┌────────

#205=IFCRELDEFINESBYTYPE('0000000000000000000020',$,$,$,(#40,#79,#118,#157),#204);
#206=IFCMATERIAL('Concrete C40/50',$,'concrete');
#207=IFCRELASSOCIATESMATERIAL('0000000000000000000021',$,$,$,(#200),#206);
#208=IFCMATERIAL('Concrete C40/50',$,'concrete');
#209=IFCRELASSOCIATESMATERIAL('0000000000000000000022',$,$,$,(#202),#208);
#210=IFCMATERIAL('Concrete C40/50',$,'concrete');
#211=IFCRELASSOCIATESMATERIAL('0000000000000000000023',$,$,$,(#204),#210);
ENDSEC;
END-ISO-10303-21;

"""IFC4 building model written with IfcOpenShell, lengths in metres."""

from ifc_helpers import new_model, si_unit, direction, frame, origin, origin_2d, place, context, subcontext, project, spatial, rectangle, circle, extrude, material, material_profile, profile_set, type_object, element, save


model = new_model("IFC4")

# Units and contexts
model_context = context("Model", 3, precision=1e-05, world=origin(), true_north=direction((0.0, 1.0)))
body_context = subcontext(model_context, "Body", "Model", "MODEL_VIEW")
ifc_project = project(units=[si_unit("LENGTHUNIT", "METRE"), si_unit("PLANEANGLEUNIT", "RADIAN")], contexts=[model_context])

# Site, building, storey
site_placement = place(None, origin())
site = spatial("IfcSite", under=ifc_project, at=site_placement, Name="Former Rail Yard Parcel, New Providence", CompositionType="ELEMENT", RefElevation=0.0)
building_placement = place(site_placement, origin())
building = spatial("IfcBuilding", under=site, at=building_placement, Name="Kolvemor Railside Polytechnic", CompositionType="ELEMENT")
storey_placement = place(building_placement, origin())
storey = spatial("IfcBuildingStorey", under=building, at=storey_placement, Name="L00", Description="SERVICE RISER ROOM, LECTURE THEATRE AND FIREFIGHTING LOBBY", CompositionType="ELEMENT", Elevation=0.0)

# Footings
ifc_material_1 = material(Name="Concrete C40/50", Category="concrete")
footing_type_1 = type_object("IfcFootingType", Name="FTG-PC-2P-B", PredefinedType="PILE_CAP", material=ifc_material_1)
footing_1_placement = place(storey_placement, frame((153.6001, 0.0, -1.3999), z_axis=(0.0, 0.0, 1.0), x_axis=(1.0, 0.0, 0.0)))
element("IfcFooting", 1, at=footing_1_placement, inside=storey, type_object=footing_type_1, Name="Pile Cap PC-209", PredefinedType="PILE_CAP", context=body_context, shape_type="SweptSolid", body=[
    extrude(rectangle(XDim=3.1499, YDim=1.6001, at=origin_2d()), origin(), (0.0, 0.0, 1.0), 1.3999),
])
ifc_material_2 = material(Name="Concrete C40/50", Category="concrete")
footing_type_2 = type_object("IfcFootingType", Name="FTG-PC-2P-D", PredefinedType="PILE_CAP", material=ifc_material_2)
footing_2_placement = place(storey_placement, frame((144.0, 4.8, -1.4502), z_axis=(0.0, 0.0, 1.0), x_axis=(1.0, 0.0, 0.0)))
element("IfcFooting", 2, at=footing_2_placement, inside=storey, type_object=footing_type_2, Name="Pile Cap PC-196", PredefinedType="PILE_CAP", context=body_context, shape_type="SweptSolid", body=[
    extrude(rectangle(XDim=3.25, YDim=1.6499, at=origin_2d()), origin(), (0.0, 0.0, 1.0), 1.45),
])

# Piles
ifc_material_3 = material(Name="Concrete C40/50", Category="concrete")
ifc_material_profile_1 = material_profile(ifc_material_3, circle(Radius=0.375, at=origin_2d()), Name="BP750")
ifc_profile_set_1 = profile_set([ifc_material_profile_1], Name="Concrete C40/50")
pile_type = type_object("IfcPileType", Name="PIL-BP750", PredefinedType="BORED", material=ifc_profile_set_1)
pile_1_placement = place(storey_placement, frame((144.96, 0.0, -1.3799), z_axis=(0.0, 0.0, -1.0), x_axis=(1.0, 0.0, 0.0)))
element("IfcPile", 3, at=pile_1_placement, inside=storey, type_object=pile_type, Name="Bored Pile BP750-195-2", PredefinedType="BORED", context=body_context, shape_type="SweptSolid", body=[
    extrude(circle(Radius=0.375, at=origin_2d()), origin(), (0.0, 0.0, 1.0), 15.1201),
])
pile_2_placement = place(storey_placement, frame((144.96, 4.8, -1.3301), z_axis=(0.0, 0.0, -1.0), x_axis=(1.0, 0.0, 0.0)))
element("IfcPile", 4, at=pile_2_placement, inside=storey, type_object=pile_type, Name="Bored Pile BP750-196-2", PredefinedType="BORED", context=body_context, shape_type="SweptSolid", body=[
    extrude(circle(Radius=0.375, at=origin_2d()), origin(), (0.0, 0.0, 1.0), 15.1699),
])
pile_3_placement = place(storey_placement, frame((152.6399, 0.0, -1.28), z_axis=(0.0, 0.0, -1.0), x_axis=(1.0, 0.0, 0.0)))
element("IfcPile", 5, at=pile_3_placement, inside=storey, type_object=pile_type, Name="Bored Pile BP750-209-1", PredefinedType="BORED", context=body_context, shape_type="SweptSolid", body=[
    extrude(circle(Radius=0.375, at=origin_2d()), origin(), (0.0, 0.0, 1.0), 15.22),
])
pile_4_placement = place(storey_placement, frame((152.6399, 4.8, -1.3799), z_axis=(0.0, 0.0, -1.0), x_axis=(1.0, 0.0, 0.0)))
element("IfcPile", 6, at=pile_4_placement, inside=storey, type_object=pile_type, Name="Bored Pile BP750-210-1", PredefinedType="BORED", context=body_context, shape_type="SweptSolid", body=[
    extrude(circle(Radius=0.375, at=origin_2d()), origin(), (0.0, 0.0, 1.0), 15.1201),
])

└────────

## Problem statement
Going through the entries above, show each line that contains "YDim".

## Exercise result
    extrude(rectangle(XDim=3.1499, YDim=1.6001, at=origin_2d()), origin(), (0.0, 0.0, 1.0), 1.3999),
    extrude(rectangle(XDim=3.25, YDim=1.6499, at=origin_2d()), origin(), (0.0, 0.0, 1.0), 1.45),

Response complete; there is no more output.